Saved entries
++++++++++++++++++++
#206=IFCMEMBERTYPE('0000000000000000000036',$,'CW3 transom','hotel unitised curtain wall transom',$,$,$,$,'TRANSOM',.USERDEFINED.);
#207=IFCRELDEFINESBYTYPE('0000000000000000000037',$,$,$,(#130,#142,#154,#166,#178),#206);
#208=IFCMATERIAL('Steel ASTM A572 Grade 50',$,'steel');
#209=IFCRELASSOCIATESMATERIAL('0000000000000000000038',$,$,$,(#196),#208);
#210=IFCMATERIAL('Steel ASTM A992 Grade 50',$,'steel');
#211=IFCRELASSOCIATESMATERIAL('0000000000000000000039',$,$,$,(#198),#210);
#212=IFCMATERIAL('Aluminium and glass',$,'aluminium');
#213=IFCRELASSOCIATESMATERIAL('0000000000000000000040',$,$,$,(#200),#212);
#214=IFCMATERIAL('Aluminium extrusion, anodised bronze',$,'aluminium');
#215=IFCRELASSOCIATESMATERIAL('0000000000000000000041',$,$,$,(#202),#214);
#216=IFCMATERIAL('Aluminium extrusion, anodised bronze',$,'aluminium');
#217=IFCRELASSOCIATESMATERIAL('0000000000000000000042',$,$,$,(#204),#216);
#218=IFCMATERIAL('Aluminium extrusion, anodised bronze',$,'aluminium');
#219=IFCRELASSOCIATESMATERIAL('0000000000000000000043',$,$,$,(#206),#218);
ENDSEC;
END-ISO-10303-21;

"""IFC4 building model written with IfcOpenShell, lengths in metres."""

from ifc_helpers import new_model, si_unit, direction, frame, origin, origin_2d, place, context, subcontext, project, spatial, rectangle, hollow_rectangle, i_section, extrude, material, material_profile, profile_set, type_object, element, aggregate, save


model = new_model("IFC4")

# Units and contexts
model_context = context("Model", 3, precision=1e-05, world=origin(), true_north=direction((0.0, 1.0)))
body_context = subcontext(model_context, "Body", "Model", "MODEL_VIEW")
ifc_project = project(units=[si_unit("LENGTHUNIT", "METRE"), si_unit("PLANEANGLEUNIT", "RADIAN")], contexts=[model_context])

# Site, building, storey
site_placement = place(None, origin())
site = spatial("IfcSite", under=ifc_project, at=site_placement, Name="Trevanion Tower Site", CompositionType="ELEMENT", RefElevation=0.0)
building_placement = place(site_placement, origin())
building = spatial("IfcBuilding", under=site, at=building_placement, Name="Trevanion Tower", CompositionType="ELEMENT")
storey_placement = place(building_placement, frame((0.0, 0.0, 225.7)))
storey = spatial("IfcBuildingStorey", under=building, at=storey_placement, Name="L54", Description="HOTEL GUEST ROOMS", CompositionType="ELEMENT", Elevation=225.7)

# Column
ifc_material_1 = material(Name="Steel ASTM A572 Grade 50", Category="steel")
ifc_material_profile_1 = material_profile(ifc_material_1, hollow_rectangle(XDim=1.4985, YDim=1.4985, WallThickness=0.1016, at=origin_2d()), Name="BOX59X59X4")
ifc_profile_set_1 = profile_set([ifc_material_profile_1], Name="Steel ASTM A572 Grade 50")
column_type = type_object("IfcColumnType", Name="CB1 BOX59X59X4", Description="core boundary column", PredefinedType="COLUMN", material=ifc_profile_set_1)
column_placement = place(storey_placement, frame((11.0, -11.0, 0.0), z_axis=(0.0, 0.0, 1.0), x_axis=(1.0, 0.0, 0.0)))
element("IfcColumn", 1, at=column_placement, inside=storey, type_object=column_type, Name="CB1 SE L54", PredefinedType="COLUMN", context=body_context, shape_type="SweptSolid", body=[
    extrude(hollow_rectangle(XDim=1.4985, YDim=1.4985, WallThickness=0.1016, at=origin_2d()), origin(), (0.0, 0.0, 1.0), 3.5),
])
++++++++++++++++++++
* INSTRUCTIONS FOR THE TASK *
The required output is every line above that contains the string "contexts".

* WRITTEN ANSWER *
# Units and contexts
ifc_project = project(units=[si_unit("LENGTHUNIT", "METRE"), si_unit("PLANEANGLEUNIT", "RADIAN")], contexts=[model_context])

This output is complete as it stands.